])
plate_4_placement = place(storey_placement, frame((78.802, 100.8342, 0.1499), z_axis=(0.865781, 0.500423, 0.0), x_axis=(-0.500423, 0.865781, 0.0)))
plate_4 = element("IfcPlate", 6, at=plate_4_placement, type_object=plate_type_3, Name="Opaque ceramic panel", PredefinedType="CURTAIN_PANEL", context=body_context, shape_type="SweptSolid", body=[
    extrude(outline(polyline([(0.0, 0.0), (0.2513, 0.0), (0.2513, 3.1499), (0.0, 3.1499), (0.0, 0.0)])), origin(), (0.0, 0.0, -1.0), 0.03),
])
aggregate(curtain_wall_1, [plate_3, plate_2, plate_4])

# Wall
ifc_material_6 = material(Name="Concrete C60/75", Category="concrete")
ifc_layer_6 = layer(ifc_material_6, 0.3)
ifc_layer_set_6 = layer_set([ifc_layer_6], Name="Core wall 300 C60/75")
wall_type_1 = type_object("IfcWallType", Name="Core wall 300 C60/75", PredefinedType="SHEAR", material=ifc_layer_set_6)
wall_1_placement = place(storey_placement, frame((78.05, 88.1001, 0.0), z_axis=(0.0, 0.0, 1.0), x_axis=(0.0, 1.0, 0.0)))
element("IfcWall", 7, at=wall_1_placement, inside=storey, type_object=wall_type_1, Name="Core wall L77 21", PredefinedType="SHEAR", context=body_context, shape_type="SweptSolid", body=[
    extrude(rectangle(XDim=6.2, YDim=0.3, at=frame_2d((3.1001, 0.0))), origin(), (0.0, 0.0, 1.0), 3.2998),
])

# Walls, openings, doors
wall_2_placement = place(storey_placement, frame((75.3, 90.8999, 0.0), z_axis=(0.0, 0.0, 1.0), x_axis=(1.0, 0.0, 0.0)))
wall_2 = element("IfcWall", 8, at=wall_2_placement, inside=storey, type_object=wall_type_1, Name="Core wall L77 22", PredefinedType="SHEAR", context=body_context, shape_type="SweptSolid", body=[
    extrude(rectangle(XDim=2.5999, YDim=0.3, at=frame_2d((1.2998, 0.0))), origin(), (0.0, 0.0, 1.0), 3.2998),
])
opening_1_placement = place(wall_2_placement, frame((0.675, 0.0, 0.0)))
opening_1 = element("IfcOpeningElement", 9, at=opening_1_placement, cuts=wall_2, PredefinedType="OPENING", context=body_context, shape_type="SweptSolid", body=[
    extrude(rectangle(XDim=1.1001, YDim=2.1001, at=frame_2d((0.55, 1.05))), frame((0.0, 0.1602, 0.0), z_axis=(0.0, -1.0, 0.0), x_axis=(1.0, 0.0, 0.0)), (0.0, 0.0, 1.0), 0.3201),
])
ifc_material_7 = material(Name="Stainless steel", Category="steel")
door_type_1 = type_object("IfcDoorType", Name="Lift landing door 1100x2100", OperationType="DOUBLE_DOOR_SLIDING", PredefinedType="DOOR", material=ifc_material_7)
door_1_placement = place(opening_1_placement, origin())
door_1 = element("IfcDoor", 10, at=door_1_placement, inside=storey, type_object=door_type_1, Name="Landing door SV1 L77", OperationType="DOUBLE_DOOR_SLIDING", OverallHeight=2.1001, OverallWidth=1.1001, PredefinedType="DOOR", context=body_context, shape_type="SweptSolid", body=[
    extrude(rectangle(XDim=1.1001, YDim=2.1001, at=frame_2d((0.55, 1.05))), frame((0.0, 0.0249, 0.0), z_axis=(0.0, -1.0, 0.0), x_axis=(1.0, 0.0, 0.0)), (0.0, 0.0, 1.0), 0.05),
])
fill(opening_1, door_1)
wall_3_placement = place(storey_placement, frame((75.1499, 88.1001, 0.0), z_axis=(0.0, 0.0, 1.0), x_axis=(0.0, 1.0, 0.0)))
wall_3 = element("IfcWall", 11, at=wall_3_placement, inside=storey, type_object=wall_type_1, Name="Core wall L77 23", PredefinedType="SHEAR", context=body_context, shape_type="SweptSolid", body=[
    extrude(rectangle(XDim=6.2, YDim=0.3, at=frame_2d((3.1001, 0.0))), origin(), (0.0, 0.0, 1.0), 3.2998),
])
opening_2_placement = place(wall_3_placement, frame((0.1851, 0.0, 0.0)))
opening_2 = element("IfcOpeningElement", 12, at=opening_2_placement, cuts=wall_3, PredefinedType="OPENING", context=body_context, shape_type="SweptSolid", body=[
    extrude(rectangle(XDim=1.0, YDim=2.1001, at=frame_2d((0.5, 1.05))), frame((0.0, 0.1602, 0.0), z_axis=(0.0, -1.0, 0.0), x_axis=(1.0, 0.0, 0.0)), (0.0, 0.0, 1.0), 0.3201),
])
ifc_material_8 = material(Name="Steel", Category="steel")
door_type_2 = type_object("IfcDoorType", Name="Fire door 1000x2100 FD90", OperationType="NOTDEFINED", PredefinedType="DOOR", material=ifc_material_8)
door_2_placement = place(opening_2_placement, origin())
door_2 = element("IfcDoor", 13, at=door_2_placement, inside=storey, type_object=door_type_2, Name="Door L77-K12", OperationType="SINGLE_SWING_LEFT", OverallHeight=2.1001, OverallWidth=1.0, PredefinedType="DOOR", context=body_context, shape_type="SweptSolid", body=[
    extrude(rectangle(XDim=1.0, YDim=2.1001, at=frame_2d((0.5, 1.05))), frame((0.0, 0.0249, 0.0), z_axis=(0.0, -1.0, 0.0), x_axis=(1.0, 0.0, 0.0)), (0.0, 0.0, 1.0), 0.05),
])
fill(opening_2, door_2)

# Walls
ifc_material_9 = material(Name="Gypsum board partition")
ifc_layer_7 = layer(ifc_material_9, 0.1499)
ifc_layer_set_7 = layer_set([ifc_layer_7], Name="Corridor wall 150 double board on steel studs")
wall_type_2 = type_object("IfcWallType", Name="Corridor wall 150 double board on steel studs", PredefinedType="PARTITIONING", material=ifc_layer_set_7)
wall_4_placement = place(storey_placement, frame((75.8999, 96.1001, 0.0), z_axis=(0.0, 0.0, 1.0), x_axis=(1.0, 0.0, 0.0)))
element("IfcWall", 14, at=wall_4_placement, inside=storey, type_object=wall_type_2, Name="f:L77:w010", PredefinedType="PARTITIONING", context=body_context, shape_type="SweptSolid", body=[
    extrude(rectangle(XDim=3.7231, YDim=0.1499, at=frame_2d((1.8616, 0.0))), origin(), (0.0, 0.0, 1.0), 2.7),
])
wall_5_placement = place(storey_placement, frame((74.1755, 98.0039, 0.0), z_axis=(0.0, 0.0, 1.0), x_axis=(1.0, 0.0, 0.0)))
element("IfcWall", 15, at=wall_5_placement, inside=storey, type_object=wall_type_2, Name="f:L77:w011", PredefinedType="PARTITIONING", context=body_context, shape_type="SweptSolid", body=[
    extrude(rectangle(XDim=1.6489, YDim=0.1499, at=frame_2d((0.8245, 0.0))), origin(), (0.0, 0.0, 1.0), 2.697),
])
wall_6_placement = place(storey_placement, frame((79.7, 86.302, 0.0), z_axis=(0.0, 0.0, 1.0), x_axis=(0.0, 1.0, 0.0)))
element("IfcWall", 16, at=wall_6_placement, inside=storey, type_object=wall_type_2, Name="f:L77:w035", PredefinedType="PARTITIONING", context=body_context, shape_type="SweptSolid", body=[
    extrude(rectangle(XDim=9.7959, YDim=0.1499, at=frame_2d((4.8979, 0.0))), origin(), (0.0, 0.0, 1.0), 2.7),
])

:::

▶ _ASSIGNED TASK_
Your answer should be a single number, which is the count of lines in the data above that include the word "Category".

▶ _RESPONSE_
3